The input =
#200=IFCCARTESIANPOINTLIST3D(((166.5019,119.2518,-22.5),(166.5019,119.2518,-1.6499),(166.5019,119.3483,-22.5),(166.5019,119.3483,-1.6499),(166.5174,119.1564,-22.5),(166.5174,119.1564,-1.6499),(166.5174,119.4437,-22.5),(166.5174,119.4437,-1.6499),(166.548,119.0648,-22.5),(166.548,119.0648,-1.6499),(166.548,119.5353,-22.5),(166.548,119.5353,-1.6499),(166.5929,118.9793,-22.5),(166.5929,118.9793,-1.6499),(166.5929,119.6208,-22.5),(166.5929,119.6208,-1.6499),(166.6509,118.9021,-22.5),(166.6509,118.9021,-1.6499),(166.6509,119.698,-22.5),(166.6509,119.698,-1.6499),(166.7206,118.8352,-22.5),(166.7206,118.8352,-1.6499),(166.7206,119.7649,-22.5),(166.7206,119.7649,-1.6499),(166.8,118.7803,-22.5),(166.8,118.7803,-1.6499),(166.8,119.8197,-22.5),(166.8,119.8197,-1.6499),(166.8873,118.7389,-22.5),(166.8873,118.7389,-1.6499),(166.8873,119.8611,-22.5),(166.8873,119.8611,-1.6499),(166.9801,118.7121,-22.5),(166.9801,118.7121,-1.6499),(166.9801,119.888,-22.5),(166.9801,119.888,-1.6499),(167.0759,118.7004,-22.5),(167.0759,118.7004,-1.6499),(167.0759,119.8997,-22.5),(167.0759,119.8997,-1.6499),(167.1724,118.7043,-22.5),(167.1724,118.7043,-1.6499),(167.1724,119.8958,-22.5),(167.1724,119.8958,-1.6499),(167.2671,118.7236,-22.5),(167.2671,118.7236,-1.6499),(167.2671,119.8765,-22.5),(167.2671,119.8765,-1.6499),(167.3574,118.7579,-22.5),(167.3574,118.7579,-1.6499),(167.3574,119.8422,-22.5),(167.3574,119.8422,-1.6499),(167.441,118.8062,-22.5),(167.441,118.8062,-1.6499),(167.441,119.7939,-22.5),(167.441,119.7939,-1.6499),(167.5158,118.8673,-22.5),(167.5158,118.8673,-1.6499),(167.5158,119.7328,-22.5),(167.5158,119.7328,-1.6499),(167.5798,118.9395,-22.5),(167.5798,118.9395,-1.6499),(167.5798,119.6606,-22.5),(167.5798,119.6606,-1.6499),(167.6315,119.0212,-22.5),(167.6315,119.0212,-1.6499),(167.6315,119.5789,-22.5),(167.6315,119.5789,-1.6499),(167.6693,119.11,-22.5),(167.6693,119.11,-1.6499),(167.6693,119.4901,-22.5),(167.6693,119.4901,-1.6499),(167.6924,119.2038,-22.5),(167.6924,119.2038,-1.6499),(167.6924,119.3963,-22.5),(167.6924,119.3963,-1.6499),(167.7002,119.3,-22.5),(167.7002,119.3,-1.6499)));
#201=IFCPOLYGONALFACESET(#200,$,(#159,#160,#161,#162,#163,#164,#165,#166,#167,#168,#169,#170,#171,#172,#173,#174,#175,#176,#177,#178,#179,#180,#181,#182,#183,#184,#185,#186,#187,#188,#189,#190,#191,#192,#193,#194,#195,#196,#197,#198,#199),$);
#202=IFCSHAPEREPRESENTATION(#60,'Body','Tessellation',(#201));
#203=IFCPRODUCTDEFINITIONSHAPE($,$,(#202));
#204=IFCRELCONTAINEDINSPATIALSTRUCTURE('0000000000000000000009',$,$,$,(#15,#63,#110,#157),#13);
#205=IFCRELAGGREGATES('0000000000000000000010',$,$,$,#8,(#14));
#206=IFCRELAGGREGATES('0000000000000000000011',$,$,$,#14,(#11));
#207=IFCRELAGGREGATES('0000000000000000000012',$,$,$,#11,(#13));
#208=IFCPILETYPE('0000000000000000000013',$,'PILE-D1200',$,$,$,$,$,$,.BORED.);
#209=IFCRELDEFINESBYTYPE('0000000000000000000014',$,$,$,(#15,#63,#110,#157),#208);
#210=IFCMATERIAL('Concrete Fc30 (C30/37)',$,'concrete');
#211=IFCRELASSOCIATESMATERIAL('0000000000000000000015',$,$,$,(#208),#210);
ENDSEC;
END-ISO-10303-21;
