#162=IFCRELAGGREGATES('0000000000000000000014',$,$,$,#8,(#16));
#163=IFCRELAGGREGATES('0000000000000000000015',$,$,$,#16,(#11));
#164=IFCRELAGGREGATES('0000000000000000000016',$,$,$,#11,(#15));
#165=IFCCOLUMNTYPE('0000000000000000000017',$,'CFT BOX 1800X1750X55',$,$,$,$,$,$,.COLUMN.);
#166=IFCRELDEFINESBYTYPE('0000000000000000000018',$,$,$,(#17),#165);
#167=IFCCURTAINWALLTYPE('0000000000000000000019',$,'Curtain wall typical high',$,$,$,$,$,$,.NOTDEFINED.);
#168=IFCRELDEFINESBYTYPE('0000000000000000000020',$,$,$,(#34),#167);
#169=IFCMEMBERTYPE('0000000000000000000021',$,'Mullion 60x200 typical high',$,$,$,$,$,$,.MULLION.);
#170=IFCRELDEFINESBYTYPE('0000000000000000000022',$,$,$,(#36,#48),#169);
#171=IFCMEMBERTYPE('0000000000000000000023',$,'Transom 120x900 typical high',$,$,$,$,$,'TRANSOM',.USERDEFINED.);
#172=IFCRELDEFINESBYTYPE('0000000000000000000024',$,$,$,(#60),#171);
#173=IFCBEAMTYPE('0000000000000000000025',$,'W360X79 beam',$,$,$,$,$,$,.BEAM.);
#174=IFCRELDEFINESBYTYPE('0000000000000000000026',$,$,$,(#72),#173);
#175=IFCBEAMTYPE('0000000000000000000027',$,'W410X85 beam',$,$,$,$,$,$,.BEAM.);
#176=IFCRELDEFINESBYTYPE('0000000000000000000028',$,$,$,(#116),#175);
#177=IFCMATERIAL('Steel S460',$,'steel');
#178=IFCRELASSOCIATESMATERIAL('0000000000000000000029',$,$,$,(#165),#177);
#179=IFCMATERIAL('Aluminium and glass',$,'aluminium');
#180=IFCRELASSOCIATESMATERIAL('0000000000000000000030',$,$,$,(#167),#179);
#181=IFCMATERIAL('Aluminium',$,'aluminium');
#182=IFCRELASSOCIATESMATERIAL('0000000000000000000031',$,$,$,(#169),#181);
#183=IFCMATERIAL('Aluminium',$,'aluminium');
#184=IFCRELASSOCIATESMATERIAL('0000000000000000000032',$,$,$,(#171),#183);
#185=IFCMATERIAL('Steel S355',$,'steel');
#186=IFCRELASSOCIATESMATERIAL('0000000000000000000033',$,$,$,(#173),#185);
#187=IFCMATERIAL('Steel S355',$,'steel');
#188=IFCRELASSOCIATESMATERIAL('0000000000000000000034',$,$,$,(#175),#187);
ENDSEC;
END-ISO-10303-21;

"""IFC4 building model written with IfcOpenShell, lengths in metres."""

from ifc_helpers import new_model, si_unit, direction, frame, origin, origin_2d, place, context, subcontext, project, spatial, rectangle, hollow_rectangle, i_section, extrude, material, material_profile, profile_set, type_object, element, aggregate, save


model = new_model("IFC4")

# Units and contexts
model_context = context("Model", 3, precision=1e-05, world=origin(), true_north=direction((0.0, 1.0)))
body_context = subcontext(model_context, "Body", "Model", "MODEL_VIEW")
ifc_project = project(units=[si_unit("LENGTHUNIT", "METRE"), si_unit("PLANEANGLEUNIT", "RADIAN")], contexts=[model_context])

Goal of the exercise = Only the last part of the entries above is needed: please copy the line with "#187=IFCMATERIAL('Steel S355',$,'steel');" and each line after it exactly.

Task result =
#187=IFCMATERIAL('Steel S355',$,'steel');
#188=IFCRELASSOCIATESMATERIAL('0000000000000000000034',$,$,$,(#175),#187);
ENDSEC;
END-ISO-10303-21;

"""IFC4 building model written with IfcOpenShell, lengths in metres."""

from ifc_helpers import new_model, si_unit, direction, frame, origin, origin_2d, place, context, subcontext, project, spatial, rectangle, hollow_rectangle, i_section, extrude, material, material_profile, profile_set, type_object, element, aggregate, save


model = new_model("IFC4")

# Units and contexts
model_context = context("Model", 3, precision=1e-05, world=origin(), true_north=direction((0.0, 1.0)))
body_context = subcontext(model_context, "Body", "Model", "MODEL_VIEW")
ifc_project = project(units=[si_unit("LENGTHUNIT", "METRE"), si_unit("PLANEANGLEUNIT", "RADIAN")], contexts=[model_context])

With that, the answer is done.